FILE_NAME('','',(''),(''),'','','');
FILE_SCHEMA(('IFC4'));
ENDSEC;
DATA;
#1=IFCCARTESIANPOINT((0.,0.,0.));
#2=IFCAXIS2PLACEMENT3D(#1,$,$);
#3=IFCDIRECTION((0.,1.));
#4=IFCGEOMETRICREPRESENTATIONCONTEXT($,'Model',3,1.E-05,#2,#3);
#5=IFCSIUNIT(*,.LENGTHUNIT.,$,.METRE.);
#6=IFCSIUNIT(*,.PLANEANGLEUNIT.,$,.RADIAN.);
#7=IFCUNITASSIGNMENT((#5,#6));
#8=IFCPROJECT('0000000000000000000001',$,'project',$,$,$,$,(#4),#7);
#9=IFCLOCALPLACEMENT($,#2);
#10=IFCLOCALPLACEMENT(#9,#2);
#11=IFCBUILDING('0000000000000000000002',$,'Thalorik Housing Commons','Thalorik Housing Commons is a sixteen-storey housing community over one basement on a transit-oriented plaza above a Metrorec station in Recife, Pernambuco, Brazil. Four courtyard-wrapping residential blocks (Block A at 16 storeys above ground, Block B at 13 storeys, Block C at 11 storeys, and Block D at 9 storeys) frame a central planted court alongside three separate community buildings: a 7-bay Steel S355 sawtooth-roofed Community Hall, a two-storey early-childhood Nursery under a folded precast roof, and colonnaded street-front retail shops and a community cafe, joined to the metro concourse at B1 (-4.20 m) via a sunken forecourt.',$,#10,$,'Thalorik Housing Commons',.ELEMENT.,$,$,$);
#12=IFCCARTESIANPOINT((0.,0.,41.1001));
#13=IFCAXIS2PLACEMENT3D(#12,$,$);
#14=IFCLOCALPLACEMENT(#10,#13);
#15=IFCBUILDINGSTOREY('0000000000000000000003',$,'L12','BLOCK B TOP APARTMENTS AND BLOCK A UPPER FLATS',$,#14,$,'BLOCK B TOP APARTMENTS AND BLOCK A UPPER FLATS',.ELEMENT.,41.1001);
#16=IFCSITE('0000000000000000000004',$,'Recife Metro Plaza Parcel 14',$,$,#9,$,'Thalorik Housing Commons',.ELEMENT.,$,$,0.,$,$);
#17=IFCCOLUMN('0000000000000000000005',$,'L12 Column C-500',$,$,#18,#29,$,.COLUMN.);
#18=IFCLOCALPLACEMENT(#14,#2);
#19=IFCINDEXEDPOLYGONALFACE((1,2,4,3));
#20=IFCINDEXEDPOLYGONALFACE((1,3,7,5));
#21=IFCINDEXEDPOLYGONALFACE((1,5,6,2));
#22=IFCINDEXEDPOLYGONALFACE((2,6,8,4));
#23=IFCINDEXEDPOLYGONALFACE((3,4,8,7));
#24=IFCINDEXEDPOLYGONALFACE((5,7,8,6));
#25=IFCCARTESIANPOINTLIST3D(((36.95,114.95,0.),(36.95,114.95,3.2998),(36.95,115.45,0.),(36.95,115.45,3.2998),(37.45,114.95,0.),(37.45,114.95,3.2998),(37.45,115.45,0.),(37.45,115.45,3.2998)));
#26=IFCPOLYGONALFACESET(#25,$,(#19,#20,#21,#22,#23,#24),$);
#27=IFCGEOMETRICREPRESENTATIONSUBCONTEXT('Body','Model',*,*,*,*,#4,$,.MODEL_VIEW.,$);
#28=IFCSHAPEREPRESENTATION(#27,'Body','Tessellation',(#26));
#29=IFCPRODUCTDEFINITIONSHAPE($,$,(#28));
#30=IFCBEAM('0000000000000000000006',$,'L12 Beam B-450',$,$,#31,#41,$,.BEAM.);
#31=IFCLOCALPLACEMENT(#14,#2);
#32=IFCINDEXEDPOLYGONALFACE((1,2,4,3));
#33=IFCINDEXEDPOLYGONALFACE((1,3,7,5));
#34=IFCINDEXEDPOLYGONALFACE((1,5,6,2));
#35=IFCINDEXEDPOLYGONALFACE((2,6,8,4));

____________

### ABOUT THIS TASK:
For this task, write out exactly the lines of the entries above, starting at the line with "#19=IFCINDEXEDPOLYGONALFACE((1,2,4,3));" and ending at the line with "#24=IFCINDEXEDPOLYGONALFACE((5,7,8,6));", both included, and no others.

### WRITTEN RESPONSE:
#19=IFCINDEXEDPOLYGONALFACE((1,2,4,3));
#20=IFCINDEXEDPOLYGONALFACE((1,3,7,5));
#21=IFCINDEXEDPOLYGONALFACE((1,5,6,2));
#22=IFCINDEXEDPOLYGONALFACE((2,6,8,4));
#23=IFCINDEXEDPOLYGONALFACE((3,4,8,7));
#24=IFCINDEXEDPOLYGONALFACE((5,7,8,6));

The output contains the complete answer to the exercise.